> Provided data
BEGIN

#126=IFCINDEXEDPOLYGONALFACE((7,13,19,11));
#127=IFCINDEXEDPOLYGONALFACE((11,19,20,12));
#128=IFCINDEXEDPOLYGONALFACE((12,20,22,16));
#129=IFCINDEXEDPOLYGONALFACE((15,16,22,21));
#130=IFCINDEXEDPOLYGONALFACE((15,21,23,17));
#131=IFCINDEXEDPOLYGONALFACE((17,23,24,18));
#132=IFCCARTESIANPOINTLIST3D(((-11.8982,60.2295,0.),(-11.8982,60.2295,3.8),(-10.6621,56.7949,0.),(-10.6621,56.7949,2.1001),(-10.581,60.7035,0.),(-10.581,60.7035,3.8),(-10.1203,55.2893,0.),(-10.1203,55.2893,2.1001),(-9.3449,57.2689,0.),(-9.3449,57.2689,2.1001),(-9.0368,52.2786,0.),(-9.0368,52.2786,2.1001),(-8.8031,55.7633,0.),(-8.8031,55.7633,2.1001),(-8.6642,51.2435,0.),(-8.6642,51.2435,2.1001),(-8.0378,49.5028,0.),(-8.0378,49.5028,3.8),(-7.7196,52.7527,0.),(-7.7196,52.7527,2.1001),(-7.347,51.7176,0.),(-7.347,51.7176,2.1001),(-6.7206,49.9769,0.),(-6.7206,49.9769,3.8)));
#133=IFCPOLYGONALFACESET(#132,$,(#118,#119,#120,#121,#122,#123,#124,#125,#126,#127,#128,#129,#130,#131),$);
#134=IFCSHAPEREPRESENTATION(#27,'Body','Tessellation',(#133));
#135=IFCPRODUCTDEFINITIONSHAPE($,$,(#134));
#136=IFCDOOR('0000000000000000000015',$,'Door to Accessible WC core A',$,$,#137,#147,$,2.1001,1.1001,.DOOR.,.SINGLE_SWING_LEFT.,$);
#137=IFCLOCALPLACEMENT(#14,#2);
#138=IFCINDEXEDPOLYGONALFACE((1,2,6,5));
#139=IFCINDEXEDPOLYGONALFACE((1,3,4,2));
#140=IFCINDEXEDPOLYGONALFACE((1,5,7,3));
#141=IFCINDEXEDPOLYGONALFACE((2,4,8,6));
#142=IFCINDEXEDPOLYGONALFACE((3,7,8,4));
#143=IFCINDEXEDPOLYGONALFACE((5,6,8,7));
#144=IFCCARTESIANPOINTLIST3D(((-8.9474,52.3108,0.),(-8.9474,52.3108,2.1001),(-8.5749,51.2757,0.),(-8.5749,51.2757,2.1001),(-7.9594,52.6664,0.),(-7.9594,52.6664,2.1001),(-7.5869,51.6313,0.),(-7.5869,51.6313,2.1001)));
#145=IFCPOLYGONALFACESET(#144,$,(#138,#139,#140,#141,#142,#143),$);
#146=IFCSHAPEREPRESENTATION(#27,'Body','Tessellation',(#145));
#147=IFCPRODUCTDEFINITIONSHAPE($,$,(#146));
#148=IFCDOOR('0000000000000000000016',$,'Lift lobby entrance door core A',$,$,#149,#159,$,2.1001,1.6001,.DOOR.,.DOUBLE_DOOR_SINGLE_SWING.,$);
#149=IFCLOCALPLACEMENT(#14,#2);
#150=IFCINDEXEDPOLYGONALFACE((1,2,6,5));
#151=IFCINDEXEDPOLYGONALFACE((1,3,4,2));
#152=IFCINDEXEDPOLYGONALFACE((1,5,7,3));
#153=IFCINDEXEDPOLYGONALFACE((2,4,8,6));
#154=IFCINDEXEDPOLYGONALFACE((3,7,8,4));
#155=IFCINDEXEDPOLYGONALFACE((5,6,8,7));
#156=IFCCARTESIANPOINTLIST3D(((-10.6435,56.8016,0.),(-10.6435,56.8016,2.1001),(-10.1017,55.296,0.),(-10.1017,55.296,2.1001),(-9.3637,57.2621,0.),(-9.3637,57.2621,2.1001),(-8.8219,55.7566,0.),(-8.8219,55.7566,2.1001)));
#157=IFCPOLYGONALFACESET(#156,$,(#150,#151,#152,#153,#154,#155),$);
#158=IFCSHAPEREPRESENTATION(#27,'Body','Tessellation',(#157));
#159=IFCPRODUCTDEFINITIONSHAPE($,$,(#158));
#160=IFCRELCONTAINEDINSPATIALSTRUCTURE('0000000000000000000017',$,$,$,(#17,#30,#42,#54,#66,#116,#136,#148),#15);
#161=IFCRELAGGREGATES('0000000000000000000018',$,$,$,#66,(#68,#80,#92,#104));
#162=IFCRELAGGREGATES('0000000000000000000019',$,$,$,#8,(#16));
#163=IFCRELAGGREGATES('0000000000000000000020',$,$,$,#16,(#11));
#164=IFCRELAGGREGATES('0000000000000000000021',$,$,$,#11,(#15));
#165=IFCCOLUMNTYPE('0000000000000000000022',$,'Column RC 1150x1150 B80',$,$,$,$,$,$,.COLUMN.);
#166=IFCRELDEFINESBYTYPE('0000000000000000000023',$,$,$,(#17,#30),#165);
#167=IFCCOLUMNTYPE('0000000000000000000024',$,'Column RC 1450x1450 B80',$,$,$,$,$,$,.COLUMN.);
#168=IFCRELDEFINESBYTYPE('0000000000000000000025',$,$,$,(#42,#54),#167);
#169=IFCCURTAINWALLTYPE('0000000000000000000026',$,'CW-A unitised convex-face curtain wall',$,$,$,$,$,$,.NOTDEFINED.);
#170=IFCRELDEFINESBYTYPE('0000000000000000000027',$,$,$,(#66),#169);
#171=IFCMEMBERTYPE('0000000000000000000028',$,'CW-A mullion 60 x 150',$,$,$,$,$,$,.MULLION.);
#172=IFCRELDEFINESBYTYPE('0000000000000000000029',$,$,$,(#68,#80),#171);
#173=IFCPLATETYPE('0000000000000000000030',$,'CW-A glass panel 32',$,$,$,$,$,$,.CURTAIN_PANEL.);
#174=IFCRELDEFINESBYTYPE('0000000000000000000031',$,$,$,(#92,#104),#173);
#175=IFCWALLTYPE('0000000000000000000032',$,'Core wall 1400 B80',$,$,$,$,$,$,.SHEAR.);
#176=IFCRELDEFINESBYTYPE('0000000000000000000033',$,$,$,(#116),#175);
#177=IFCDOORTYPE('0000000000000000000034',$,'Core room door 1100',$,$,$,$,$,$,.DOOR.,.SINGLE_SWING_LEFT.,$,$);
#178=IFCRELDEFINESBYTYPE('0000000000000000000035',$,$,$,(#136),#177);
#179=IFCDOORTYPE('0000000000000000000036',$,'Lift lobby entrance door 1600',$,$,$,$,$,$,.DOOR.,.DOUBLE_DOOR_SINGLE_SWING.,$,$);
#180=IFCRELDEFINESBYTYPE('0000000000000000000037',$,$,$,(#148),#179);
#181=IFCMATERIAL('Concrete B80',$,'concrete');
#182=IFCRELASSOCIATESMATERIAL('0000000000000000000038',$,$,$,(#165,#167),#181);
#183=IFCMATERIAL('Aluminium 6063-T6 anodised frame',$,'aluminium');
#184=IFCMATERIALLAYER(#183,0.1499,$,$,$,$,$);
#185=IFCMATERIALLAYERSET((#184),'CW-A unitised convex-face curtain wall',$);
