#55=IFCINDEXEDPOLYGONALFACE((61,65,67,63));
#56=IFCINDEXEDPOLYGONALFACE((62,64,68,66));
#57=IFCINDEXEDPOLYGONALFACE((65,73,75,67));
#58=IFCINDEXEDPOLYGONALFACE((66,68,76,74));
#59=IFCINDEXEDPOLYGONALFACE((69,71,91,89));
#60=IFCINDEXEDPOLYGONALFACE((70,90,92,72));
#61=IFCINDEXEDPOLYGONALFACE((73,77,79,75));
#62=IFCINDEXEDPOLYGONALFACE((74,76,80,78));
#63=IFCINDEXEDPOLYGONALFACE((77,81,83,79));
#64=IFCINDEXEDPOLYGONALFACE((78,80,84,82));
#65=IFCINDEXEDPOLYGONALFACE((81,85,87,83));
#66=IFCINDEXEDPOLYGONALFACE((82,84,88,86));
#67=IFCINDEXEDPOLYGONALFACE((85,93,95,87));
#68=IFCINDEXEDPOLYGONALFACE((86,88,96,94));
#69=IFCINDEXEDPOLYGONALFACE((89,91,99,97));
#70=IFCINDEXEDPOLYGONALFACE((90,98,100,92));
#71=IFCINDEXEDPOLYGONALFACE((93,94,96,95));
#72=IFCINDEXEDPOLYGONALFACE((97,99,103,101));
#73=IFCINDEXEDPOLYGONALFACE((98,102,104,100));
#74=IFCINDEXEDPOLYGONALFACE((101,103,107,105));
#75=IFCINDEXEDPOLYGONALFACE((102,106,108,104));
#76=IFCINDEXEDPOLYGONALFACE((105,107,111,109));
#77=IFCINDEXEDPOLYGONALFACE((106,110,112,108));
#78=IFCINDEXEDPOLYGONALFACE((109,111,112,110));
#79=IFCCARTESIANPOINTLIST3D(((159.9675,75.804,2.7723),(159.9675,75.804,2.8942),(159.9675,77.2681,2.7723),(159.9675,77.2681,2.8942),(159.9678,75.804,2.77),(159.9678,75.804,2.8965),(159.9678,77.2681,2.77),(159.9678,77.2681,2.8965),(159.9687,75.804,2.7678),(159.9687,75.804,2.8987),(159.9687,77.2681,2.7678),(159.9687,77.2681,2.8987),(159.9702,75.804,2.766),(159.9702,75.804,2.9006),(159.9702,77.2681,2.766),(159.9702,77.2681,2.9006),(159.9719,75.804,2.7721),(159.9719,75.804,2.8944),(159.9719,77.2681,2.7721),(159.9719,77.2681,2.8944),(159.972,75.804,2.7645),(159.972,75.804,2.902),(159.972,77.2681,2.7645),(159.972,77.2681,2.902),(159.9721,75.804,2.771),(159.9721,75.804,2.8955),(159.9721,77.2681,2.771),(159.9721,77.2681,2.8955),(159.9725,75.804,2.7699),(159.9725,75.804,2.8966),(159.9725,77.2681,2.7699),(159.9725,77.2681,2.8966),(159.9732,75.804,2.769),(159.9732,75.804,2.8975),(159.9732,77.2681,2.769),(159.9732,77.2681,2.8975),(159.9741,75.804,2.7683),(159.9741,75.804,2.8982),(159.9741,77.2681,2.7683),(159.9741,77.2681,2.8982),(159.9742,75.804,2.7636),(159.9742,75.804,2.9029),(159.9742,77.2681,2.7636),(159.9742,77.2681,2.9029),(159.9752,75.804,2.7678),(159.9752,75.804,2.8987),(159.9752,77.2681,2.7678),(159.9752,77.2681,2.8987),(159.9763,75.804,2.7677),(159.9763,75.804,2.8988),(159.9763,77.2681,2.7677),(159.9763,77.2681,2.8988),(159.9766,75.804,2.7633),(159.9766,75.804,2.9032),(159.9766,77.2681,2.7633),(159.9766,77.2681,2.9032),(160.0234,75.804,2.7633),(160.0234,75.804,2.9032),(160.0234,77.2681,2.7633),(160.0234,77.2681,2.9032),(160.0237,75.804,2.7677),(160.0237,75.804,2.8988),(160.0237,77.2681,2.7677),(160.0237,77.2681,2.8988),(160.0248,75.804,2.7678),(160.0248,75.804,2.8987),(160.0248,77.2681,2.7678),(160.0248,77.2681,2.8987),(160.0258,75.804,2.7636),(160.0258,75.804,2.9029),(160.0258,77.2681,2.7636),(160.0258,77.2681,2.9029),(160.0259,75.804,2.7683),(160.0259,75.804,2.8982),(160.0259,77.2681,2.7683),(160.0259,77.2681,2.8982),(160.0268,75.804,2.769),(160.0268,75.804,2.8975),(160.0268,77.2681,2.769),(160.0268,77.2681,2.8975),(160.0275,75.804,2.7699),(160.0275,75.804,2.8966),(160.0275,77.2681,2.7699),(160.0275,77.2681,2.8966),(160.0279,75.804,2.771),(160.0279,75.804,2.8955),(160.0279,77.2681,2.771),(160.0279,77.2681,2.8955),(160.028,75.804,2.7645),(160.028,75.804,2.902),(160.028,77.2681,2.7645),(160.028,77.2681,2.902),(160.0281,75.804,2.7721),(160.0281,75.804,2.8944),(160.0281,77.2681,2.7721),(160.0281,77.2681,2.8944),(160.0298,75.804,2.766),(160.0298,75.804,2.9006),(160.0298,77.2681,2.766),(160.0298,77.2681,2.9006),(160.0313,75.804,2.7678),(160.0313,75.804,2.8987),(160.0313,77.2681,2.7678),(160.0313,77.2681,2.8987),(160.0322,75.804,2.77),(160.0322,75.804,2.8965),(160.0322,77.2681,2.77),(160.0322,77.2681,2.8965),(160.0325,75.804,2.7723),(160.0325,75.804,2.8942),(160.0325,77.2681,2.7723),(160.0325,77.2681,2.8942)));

END

> Work instructions
Only the lines containing "convex" are needed; pull them out of the listing.

> Problem solution
#169=IFCCURTAINWALLTYPE('0000000000000000000026',$,'CW-A unitised convex-face curtain wall',$,$,$,$,$,$,.NOTDEFINED.);
#185=IFCMATERIALLAYERSET((#184),'CW-A unitised convex-face curtain wall',$);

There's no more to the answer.